<<<<

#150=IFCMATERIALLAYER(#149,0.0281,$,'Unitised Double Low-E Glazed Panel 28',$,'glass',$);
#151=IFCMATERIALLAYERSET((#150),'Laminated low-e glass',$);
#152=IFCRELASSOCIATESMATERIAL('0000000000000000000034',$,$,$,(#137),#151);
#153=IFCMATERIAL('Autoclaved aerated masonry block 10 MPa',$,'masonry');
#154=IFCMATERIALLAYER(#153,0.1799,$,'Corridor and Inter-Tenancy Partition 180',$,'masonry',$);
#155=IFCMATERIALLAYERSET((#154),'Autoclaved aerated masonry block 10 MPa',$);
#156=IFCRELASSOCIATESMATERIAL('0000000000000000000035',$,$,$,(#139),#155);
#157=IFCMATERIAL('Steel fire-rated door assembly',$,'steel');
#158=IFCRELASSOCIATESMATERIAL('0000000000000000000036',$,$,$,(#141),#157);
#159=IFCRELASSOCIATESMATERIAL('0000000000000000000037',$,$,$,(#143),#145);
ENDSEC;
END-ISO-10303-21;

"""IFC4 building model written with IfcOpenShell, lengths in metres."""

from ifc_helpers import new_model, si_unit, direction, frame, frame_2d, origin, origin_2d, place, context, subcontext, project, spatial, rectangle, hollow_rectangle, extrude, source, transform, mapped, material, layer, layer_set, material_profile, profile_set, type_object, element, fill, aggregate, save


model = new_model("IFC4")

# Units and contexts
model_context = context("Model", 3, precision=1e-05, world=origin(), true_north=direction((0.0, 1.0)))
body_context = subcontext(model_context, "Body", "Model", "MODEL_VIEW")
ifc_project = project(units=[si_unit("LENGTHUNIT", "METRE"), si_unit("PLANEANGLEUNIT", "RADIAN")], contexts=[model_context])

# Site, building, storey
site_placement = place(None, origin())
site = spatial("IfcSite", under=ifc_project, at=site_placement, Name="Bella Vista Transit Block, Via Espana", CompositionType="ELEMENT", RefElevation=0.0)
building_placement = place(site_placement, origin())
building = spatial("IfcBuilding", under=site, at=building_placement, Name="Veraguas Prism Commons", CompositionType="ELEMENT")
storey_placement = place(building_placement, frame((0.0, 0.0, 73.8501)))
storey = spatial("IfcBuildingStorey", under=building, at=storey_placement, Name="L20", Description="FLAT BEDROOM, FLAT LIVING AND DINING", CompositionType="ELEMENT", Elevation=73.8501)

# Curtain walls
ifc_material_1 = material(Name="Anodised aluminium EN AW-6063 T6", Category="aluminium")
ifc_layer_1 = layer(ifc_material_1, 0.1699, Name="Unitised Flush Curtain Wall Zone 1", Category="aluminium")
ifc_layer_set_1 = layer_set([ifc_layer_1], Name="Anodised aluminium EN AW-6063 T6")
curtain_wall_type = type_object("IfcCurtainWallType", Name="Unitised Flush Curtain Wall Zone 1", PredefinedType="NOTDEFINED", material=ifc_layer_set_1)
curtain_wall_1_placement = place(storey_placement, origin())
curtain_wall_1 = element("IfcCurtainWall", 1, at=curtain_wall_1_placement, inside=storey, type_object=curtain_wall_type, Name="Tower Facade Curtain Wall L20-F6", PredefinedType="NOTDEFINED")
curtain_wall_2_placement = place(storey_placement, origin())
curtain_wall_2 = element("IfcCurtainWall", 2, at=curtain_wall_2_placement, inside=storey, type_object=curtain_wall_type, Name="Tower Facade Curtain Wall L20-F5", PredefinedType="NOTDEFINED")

>>>>
<<<<

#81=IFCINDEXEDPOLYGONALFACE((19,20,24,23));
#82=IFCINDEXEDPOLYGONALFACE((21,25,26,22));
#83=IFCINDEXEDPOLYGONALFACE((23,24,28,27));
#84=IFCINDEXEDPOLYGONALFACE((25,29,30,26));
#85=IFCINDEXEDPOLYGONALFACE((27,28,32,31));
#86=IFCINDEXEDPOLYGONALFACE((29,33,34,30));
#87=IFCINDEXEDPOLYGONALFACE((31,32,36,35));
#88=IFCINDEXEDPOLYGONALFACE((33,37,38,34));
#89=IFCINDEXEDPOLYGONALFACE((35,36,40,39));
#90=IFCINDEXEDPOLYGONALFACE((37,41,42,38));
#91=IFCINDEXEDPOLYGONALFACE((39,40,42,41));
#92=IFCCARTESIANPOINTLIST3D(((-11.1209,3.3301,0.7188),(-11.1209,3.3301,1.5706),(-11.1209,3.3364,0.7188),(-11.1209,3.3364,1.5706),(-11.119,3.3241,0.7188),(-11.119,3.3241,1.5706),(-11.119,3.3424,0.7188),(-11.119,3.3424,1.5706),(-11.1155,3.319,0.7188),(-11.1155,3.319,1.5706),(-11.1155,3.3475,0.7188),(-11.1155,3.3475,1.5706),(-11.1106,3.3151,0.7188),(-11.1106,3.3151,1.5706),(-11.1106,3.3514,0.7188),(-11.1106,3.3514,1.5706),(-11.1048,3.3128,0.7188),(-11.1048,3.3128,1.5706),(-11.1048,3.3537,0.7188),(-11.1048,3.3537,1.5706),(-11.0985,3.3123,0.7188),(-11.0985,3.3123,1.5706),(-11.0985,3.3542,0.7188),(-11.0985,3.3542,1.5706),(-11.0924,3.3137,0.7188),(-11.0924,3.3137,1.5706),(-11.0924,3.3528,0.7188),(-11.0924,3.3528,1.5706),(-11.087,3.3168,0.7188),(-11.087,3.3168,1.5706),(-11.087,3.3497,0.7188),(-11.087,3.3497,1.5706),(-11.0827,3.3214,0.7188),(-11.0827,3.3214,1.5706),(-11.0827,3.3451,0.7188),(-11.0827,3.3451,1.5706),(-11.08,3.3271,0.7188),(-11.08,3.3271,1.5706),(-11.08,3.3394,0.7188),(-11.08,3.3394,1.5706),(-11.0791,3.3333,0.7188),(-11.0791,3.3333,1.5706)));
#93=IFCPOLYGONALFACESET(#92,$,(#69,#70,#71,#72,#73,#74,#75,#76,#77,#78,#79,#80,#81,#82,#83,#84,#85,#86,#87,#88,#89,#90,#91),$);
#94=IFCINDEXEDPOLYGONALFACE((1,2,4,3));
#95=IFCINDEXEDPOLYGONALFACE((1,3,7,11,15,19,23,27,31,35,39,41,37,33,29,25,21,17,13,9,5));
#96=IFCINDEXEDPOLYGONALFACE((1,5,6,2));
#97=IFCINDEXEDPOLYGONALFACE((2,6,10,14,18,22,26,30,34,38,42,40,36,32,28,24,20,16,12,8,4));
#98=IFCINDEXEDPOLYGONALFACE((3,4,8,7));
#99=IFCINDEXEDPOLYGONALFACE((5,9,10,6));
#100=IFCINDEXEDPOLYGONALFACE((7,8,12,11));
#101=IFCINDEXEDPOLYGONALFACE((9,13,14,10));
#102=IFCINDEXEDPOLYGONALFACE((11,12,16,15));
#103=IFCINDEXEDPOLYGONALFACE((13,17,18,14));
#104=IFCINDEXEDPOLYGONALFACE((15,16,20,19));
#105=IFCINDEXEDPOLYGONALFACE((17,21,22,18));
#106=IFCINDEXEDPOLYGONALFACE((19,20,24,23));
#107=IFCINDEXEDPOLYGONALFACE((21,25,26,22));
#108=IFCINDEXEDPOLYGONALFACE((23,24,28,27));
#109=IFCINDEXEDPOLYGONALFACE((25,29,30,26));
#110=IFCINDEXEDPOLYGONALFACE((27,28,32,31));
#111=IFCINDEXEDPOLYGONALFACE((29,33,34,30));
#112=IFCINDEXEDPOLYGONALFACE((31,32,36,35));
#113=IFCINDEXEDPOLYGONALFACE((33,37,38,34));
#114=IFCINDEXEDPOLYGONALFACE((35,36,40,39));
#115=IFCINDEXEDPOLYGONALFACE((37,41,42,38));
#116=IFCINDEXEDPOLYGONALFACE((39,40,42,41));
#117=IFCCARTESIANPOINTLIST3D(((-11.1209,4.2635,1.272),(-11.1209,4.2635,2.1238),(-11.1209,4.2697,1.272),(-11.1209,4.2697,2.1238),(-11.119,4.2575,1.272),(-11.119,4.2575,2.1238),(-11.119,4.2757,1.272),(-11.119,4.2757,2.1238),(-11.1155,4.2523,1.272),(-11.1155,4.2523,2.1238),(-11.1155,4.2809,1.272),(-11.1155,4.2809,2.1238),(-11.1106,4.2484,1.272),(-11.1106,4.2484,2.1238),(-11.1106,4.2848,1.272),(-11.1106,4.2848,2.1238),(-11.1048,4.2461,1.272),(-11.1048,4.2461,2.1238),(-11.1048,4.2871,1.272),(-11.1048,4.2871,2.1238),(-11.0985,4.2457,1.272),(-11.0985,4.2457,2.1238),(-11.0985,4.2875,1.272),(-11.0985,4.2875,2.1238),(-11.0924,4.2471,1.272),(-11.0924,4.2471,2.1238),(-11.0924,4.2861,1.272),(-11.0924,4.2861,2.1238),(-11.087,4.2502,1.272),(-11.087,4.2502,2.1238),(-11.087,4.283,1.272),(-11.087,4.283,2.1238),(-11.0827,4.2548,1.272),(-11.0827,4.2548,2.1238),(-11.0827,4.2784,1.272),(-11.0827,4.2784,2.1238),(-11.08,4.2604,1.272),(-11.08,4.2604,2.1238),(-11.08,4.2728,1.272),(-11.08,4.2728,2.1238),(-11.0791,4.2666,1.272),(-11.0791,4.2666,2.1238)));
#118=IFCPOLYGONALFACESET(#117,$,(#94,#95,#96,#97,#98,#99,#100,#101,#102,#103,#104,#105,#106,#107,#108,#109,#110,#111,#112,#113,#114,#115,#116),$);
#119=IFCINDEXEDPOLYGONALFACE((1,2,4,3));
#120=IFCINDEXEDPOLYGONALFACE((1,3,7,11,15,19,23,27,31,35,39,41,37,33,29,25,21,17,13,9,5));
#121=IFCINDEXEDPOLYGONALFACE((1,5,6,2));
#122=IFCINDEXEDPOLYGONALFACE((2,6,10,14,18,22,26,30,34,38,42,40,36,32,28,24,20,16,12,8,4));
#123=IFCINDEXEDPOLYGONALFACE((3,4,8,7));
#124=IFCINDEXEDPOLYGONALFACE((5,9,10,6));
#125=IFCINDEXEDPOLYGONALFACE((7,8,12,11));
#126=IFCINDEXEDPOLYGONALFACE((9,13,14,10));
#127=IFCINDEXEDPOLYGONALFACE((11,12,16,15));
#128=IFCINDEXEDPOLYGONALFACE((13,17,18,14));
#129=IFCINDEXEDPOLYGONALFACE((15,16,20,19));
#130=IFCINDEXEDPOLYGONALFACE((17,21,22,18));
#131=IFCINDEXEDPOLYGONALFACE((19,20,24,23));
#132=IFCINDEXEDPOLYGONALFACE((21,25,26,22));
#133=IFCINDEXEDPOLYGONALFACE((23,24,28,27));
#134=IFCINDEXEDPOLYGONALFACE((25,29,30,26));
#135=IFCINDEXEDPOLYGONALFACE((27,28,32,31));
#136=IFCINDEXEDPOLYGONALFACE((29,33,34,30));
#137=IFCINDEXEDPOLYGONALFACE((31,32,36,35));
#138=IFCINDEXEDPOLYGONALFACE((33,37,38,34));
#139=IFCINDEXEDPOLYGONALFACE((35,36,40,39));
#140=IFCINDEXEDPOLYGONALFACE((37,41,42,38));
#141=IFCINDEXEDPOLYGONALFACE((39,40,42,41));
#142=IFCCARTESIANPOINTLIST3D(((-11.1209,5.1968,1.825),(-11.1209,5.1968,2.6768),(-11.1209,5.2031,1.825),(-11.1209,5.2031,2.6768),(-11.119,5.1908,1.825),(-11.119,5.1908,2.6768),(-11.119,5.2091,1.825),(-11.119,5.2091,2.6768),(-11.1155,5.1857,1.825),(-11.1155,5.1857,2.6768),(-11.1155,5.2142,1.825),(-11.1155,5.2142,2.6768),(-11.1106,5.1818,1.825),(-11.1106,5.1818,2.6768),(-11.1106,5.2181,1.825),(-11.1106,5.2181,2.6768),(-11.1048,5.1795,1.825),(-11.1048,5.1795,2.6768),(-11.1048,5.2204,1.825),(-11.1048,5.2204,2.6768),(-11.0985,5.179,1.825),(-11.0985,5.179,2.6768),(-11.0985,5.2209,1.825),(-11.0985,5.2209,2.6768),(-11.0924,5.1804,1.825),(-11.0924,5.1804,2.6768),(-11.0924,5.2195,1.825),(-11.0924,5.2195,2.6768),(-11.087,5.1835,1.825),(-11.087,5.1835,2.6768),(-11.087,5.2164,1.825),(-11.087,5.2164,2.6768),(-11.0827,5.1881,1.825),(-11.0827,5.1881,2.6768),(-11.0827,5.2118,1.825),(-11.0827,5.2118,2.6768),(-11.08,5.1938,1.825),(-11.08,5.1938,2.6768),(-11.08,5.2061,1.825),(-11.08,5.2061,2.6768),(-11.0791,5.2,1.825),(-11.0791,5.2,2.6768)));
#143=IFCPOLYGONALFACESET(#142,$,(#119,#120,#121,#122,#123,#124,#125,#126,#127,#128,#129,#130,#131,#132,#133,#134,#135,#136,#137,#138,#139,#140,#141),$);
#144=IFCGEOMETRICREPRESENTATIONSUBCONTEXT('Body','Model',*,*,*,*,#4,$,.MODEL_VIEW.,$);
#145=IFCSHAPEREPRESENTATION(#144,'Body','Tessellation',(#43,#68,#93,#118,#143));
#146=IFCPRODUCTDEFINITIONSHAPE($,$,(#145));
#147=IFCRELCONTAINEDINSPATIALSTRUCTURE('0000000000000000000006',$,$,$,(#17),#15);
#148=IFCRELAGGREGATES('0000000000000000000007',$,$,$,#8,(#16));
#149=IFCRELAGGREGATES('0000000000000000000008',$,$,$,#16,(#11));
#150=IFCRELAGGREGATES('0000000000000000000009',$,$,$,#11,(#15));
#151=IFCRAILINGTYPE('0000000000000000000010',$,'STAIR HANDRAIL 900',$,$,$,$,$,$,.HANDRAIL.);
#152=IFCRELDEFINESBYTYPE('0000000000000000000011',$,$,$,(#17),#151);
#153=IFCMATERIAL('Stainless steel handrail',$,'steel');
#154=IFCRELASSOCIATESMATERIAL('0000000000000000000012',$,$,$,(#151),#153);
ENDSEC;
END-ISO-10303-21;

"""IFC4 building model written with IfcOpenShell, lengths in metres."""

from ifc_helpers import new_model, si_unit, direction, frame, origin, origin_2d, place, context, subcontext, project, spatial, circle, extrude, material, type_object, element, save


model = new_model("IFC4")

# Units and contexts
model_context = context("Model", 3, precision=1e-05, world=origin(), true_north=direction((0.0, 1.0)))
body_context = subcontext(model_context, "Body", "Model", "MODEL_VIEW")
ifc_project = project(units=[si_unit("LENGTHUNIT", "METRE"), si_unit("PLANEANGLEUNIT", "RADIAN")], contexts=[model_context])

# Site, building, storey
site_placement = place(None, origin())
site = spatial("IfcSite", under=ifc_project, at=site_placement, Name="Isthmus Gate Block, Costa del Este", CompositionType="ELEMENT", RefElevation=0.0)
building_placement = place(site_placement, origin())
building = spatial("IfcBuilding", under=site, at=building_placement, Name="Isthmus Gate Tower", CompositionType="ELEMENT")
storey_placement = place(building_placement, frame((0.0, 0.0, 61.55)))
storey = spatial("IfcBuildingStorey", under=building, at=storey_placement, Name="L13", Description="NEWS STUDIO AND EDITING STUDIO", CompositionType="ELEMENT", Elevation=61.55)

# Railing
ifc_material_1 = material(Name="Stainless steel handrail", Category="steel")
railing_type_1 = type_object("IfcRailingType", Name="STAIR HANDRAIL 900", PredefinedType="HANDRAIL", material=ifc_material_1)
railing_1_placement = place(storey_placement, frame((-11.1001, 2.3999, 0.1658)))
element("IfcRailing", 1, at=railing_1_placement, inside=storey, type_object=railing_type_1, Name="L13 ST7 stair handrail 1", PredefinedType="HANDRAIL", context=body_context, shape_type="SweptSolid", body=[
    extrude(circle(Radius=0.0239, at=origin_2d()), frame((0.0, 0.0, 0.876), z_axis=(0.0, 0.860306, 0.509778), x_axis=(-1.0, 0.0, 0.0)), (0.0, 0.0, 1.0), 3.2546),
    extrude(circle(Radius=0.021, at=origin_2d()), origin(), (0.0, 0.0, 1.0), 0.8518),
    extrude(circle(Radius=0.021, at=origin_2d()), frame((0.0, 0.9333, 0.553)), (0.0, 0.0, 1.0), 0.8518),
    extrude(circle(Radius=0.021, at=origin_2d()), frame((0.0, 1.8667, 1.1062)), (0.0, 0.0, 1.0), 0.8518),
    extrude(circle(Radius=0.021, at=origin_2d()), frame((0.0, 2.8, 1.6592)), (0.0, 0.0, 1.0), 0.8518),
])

>>>>

Exercise:
Note which lines carry the word "IfcBuildingStorey" in the material, then copy each of them.

Solution below:
storey = spatial("IfcBuildingStorey", under=building, at=storey_placement, Name="L20", Description="FLAT BEDROOM, FLAT LIVING AND DINING", CompositionType="ELEMENT", Elevation=73.8501)
storey = spatial("IfcBuildingStorey", under=building, at=storey_placement, Name="L13", Description="NEWS STUDIO AND EDITING STUDIO", CompositionType="ELEMENT", Elevation=61.55)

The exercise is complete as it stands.